[Dataset items]

+ + + +

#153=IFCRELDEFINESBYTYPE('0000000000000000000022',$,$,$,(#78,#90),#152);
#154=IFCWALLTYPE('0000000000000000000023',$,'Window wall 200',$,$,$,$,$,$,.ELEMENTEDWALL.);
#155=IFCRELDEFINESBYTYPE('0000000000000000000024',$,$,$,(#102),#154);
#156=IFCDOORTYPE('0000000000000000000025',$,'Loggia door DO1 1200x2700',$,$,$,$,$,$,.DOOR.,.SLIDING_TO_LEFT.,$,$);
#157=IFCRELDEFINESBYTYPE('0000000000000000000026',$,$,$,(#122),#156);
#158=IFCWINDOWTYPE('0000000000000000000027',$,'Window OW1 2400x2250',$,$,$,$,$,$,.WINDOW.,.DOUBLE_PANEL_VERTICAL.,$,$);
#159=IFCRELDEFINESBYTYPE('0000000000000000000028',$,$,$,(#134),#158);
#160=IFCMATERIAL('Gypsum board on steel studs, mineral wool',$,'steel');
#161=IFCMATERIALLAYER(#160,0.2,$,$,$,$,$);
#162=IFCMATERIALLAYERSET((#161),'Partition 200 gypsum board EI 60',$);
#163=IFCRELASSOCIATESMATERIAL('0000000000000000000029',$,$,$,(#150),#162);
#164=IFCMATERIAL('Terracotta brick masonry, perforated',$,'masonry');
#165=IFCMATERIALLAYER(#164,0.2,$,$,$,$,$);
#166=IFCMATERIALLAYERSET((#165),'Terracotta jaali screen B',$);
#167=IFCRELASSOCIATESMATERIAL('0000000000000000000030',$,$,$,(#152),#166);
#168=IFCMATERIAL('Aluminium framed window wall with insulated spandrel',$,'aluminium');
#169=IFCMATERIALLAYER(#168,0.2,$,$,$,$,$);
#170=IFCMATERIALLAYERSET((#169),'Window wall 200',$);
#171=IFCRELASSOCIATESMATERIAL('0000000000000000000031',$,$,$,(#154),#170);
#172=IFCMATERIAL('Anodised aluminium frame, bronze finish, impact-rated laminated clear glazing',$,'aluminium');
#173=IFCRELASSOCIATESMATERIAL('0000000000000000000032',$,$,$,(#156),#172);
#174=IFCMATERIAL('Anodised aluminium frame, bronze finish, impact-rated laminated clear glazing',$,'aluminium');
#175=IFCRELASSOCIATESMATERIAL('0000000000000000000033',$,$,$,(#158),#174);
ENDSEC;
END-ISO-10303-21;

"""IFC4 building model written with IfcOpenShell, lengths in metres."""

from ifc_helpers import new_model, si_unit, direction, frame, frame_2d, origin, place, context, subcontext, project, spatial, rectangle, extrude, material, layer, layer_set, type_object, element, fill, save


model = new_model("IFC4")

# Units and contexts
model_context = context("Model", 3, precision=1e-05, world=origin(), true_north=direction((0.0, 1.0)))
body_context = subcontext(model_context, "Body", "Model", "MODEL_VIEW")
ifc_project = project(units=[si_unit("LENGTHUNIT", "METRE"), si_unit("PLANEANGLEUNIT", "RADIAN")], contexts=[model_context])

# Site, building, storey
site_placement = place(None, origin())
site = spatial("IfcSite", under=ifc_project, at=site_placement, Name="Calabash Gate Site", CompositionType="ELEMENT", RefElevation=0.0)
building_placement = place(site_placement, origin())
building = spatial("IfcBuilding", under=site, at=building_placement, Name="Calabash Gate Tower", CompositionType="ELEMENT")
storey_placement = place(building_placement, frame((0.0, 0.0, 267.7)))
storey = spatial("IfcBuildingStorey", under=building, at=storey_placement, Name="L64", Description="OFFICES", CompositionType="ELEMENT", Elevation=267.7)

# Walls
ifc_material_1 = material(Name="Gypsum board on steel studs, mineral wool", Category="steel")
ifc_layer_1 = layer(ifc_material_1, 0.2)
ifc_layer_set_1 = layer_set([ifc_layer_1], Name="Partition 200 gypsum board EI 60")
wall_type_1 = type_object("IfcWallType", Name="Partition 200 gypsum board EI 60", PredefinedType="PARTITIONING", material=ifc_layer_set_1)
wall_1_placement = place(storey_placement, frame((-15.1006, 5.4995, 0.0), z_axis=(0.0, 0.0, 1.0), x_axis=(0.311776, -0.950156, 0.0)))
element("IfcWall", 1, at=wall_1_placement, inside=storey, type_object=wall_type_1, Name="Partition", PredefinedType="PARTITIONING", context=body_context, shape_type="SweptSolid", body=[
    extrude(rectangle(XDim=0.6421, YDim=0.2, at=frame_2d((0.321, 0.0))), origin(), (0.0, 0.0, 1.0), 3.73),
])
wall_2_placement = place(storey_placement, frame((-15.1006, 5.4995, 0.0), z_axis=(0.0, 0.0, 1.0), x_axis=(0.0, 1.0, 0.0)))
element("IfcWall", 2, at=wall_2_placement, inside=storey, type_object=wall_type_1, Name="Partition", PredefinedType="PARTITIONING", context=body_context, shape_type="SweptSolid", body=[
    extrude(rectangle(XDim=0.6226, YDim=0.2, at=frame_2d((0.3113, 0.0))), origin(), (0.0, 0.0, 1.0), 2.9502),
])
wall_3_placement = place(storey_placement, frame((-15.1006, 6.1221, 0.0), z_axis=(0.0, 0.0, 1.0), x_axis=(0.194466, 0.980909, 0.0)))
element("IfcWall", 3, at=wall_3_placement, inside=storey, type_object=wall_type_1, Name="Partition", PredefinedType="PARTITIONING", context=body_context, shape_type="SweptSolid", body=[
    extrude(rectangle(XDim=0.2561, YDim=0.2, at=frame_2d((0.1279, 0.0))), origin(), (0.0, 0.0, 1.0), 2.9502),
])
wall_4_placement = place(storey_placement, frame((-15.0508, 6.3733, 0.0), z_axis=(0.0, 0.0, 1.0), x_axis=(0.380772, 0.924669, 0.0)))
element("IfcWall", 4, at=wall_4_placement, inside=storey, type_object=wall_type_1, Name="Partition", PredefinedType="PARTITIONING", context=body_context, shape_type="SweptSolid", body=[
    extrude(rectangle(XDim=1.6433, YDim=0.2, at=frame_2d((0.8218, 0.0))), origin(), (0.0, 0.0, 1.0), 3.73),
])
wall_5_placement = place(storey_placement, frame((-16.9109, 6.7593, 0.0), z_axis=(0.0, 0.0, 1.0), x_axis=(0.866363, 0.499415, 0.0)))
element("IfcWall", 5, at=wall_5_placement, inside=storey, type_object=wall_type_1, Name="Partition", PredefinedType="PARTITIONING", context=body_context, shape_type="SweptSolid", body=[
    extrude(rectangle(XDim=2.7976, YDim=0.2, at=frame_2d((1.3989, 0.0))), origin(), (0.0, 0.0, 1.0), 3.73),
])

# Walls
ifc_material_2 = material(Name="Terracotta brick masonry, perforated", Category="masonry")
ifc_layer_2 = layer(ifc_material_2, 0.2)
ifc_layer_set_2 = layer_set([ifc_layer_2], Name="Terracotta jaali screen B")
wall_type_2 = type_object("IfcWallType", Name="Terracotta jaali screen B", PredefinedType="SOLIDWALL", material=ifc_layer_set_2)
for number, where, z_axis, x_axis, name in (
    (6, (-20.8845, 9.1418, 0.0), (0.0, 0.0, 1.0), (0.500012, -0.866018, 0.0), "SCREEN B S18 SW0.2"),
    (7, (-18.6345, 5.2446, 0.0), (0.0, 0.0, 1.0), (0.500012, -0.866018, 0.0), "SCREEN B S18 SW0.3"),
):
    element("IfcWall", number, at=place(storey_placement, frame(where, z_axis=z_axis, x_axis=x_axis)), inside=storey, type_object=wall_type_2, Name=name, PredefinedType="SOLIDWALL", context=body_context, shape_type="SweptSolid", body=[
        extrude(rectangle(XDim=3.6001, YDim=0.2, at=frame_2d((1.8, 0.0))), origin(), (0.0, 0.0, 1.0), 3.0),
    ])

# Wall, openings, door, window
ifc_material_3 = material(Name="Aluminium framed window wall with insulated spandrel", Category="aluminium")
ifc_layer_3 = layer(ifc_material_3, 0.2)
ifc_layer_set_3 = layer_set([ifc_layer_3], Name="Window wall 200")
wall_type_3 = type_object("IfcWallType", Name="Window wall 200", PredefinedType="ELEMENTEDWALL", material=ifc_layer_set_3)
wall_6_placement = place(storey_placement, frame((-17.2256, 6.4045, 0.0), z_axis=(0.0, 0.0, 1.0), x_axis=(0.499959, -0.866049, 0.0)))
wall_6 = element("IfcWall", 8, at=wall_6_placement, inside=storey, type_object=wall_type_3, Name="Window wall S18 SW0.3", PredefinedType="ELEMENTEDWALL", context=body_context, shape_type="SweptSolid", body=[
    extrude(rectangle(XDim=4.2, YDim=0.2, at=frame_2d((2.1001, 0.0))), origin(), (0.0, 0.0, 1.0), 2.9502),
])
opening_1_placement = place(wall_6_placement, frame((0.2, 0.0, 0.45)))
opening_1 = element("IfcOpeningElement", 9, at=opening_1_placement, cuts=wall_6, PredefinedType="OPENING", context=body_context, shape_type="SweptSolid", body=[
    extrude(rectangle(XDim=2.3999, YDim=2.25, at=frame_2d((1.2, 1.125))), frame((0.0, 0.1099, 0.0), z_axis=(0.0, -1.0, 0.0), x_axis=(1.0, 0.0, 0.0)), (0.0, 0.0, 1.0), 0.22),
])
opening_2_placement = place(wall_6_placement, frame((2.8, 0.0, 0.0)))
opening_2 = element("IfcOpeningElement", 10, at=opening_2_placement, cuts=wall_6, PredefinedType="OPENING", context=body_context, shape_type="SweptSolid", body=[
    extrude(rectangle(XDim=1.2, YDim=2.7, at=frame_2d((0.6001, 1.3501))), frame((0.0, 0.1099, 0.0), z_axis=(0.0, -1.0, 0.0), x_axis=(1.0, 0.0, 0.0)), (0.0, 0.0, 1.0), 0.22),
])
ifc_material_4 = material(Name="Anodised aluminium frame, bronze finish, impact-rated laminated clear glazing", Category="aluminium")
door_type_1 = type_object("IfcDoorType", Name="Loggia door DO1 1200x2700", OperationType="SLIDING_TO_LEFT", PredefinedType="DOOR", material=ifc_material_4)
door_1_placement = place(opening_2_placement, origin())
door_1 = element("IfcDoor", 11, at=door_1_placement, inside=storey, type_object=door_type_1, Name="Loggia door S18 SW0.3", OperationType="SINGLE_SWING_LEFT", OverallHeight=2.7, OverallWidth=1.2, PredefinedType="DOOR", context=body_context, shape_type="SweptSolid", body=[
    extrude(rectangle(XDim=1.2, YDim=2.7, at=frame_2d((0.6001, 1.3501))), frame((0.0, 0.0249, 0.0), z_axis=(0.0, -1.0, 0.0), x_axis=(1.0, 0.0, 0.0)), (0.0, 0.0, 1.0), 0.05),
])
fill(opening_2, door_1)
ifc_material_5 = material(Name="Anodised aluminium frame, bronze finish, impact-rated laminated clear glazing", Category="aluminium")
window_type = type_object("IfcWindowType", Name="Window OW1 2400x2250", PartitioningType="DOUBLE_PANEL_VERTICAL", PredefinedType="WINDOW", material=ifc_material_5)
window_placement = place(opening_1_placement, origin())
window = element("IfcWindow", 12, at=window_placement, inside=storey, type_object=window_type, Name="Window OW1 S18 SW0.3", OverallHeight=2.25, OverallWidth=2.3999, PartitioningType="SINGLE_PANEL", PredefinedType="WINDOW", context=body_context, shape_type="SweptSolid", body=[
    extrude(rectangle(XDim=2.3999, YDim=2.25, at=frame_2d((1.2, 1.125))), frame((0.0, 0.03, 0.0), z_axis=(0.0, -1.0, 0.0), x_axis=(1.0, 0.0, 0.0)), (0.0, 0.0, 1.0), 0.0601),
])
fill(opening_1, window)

+ + + +

## Task item:
Begin with the line above that has "# Site, building, storey" and continue through the line that has "frame((0.0, 0.0, 267.7)))", setting each one down exactly. Stop there.

## Task answer:
# Site, building, storey
site_placement = place(None, origin())
site = spatial("IfcSite", under=ifc_project, at=site_placement, Name="Calabash Gate Site", CompositionType="ELEMENT", RefElevation=0.0)
building_placement = place(site_placement, origin())
building = spatial("IfcBuilding", under=site, at=building_placement, Name="Calabash Gate Tower", CompositionType="ELEMENT")
storey_placement = place(building_placement, frame((0.0, 0.0, 267.7)))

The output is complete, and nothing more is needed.